Task directions => Below are some records. Print exactly the lines between the one holding "#60=IFCINDEXEDPOLYGONALFACE((1,2,4,3));" and the one holding "#68=IFCSHAPEREPRESENTATION(#31,'Body','Tessellation',(#67));", inclusive, and nothing else.

Supplied data =>
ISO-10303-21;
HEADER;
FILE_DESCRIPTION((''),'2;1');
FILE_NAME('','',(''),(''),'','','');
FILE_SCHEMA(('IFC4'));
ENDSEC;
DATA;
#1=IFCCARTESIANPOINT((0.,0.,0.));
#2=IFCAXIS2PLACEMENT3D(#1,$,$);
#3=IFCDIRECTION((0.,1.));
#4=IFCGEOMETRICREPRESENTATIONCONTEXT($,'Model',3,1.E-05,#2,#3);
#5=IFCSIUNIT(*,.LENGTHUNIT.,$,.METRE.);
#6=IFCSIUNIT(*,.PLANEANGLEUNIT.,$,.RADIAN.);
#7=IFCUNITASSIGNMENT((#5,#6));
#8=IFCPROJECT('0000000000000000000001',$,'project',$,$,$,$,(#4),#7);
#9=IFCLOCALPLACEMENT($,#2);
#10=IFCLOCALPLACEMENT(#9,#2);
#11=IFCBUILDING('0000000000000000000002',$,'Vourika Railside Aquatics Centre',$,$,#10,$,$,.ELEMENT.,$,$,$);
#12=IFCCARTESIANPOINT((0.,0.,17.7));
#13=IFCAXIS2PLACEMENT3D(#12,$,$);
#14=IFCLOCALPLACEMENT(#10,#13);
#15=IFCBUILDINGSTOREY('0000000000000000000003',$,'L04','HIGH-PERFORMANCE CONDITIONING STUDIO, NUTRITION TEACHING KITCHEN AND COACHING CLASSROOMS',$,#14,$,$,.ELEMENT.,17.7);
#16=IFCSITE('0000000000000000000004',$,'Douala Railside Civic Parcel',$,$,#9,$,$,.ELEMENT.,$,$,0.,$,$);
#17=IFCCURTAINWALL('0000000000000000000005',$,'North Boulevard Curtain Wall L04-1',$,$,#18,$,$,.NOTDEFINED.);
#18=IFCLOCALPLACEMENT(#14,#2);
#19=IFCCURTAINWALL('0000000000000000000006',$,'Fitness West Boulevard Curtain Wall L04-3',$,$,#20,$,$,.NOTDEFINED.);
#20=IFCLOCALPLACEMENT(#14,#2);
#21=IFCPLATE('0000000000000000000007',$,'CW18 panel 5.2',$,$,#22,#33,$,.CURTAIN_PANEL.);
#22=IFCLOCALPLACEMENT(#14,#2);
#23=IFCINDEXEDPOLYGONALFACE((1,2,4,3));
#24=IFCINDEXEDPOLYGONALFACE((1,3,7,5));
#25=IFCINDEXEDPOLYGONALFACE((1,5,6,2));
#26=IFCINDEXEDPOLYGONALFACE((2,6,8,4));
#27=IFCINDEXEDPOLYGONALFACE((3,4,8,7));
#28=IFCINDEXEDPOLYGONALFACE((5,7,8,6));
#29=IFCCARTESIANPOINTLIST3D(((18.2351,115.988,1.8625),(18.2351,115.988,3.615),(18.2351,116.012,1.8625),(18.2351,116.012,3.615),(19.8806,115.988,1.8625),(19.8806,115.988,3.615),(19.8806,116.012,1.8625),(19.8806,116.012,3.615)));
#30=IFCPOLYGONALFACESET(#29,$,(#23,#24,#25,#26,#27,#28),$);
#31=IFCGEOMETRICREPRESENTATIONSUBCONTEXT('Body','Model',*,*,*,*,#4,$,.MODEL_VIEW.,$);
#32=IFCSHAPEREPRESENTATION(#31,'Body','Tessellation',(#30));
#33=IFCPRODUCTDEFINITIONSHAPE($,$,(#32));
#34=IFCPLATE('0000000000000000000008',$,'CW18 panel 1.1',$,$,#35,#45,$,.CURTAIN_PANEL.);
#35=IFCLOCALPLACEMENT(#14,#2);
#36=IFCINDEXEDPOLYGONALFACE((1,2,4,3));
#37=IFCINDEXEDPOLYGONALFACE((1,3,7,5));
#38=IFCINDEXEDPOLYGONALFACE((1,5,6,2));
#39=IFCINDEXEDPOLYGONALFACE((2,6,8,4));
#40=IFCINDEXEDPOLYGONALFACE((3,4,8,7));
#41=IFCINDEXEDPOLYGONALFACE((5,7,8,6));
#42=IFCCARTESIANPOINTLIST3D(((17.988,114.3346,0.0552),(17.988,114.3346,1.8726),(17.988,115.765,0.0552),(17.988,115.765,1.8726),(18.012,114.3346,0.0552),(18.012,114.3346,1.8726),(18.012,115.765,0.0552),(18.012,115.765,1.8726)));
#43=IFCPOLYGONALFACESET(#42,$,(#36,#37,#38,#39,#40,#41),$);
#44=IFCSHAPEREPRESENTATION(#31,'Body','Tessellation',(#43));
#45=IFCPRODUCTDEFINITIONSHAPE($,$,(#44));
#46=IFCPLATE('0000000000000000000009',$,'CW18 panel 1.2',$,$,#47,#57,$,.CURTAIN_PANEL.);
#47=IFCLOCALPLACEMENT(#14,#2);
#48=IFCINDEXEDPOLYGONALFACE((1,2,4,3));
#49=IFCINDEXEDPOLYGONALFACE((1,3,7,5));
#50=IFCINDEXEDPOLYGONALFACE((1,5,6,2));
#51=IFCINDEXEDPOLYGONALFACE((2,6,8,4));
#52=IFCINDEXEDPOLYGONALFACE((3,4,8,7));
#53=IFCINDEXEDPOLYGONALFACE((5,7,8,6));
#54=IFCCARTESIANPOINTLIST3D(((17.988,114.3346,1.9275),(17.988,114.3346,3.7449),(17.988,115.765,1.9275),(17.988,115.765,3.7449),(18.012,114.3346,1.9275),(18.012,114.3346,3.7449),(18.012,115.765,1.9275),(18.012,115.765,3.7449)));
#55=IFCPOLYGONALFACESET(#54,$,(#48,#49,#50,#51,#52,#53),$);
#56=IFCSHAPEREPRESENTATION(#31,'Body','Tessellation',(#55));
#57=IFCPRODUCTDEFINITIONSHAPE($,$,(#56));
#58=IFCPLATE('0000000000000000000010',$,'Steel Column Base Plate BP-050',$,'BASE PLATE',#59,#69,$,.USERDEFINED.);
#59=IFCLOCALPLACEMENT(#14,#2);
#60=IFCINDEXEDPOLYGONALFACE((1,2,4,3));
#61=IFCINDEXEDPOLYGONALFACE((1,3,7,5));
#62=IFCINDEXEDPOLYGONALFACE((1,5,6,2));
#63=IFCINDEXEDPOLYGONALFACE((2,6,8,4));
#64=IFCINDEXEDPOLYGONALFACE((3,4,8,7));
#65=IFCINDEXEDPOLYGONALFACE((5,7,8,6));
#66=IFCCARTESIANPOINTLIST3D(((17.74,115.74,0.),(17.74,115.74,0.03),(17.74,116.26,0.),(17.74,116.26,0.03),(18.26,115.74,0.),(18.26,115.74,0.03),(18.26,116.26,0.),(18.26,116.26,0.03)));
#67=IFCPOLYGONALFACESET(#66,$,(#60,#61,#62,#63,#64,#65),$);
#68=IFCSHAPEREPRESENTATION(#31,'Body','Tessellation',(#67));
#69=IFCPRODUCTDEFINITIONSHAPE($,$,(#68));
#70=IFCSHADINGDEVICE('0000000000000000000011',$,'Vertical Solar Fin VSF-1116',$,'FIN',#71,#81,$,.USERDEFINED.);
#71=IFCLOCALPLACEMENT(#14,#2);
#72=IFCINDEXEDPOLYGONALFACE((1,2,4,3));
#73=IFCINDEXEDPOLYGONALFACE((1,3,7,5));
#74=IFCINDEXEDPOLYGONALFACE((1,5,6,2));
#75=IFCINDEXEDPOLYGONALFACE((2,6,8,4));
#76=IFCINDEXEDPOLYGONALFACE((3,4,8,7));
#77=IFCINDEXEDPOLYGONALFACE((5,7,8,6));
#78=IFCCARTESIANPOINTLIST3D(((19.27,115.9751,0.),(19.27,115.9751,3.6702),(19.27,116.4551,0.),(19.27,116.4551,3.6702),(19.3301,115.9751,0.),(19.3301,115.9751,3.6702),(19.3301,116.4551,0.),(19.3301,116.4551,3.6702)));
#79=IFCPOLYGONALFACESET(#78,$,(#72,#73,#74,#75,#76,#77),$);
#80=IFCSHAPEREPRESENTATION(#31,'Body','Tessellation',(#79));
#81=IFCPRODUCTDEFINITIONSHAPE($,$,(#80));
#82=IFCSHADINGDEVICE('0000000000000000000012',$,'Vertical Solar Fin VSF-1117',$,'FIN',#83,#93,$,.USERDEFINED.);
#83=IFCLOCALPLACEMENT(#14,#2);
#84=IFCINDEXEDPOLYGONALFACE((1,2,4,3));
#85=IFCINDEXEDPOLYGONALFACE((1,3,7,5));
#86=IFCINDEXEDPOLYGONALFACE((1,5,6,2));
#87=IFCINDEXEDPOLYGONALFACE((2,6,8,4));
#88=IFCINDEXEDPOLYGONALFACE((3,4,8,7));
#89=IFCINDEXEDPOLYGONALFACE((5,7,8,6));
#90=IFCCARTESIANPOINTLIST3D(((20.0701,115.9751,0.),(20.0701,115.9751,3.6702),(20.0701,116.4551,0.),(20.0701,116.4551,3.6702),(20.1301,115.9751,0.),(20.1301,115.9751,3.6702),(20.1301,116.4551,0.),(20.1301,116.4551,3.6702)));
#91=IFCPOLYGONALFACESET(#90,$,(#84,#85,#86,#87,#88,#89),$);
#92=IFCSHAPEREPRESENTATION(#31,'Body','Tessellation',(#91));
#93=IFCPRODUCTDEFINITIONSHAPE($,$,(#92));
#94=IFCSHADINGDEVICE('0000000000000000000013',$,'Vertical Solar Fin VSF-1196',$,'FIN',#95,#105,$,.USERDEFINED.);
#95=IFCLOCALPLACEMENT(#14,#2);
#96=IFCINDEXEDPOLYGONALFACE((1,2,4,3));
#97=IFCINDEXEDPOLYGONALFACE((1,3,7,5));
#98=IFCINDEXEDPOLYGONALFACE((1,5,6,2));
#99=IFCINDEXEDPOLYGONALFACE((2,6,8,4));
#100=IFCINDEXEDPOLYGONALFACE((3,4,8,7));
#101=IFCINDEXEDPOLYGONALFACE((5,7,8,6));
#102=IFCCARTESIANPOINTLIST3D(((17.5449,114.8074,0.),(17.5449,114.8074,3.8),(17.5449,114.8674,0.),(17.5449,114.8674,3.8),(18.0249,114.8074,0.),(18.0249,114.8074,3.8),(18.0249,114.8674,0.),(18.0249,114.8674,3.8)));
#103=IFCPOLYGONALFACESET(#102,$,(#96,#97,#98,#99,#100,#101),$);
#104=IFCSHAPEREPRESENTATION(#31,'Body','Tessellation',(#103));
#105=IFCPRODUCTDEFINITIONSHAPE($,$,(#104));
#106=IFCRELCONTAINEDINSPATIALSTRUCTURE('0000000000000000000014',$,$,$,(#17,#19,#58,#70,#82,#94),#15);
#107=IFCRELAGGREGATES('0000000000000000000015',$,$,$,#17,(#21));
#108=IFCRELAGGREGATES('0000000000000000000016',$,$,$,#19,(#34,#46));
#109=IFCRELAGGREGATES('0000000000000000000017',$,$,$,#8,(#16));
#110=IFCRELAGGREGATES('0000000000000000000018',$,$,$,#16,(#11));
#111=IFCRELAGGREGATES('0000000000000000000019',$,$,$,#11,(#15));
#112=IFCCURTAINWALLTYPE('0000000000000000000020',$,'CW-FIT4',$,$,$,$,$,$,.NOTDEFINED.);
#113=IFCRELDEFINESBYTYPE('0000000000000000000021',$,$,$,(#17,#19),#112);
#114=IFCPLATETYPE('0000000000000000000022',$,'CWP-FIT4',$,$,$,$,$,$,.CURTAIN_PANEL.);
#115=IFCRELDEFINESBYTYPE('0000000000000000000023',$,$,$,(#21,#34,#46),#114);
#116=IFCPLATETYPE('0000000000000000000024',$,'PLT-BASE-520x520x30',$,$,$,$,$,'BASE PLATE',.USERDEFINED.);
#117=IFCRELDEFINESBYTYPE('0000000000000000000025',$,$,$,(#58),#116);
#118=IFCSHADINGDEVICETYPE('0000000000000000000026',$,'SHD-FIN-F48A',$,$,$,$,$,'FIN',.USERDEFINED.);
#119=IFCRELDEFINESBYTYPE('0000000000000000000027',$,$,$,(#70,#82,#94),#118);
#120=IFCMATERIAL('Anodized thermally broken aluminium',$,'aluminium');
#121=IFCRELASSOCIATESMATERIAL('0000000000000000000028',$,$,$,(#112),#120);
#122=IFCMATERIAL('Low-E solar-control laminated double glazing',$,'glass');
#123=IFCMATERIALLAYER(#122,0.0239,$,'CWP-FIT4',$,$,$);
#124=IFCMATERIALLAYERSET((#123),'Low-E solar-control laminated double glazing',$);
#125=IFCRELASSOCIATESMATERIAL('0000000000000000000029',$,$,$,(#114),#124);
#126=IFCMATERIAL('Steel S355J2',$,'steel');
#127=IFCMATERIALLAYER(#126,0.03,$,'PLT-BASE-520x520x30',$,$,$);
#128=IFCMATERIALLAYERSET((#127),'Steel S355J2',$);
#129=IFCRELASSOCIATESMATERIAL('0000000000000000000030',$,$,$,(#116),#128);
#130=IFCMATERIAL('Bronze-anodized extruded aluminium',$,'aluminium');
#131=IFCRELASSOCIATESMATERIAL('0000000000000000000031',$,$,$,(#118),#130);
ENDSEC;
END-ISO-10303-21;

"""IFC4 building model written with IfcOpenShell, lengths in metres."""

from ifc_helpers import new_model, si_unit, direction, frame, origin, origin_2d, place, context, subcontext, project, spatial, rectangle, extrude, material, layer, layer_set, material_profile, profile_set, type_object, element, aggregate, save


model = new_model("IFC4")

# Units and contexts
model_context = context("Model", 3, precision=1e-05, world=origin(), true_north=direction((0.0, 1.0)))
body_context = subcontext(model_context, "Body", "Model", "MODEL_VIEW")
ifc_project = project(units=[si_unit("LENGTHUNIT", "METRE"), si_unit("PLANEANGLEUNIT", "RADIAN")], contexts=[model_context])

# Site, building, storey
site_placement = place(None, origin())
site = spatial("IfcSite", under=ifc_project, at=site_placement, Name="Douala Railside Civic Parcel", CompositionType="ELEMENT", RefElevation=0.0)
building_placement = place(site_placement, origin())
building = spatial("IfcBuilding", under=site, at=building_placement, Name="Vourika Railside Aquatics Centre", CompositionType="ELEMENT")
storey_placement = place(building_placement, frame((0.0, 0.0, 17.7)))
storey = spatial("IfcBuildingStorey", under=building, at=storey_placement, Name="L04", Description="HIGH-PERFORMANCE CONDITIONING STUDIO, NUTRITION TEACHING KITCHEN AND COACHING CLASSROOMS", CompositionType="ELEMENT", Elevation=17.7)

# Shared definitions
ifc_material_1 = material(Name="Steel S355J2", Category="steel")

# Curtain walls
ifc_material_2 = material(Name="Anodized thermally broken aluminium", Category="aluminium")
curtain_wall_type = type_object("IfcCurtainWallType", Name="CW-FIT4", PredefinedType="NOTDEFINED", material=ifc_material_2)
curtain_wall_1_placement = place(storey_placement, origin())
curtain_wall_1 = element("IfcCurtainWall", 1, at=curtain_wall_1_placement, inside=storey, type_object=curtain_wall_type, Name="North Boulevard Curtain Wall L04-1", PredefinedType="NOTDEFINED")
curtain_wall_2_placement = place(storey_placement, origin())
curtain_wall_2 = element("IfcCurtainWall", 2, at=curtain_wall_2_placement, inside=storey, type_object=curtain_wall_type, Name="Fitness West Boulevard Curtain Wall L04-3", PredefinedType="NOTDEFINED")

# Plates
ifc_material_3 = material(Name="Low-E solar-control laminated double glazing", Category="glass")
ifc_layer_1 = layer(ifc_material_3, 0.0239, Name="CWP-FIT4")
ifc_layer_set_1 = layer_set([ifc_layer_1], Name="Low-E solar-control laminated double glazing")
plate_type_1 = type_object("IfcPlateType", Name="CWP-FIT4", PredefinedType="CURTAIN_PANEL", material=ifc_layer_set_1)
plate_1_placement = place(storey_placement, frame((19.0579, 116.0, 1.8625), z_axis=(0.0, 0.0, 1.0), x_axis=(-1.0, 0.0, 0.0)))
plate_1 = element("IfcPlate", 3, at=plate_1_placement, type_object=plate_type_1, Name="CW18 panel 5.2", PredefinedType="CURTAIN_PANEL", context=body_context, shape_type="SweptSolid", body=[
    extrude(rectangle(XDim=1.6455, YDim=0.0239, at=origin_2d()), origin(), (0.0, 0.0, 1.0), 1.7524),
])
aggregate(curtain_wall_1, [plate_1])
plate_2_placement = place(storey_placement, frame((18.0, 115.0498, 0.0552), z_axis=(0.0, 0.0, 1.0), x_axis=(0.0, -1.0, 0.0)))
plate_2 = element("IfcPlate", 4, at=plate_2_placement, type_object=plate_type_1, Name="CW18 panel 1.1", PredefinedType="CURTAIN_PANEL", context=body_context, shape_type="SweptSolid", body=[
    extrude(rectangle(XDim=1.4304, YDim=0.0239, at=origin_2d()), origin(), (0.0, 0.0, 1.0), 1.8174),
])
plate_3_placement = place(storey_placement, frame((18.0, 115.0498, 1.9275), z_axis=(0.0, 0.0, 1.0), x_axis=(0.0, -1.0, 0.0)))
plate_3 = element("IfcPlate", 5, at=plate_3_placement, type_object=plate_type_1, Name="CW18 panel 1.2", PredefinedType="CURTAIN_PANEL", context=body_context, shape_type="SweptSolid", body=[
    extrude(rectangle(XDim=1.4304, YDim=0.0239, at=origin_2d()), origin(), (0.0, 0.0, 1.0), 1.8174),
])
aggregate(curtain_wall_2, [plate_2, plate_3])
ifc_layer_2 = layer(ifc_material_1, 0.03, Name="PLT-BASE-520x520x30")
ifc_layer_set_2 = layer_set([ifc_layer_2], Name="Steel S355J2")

Task result =>
#60=IFCINDEXEDPOLYGONALFACE((1,2,4,3));
#61=IFCINDEXEDPOLYGONALFACE((1,3,7,5));
#62=IFCINDEXEDPOLYGONALFACE((1,5,6,2));
#63=IFCINDEXEDPOLYGONALFACE((2,6,8,4));
#64=IFCINDEXEDPOLYGONALFACE((3,4,8,7));
#65=IFCINDEXEDPOLYGONALFACE((5,7,8,6));
#66=IFCCARTESIANPOINTLIST3D(((17.74,115.74,0.),(17.74,115.74,0.03),(17.74,116.26,0.),(17.74,116.26,0.03),(18.26,115.74,0.),(18.26,115.74,0.03),(18.26,116.26,0.),(18.26,116.26,0.03)));
#67=IFCPOLYGONALFACESET(#66,$,(#60,#61,#62,#63,#64,#65),$);
#68=IFCSHAPEREPRESENTATION(#31,'Body','Tessellation',(#67));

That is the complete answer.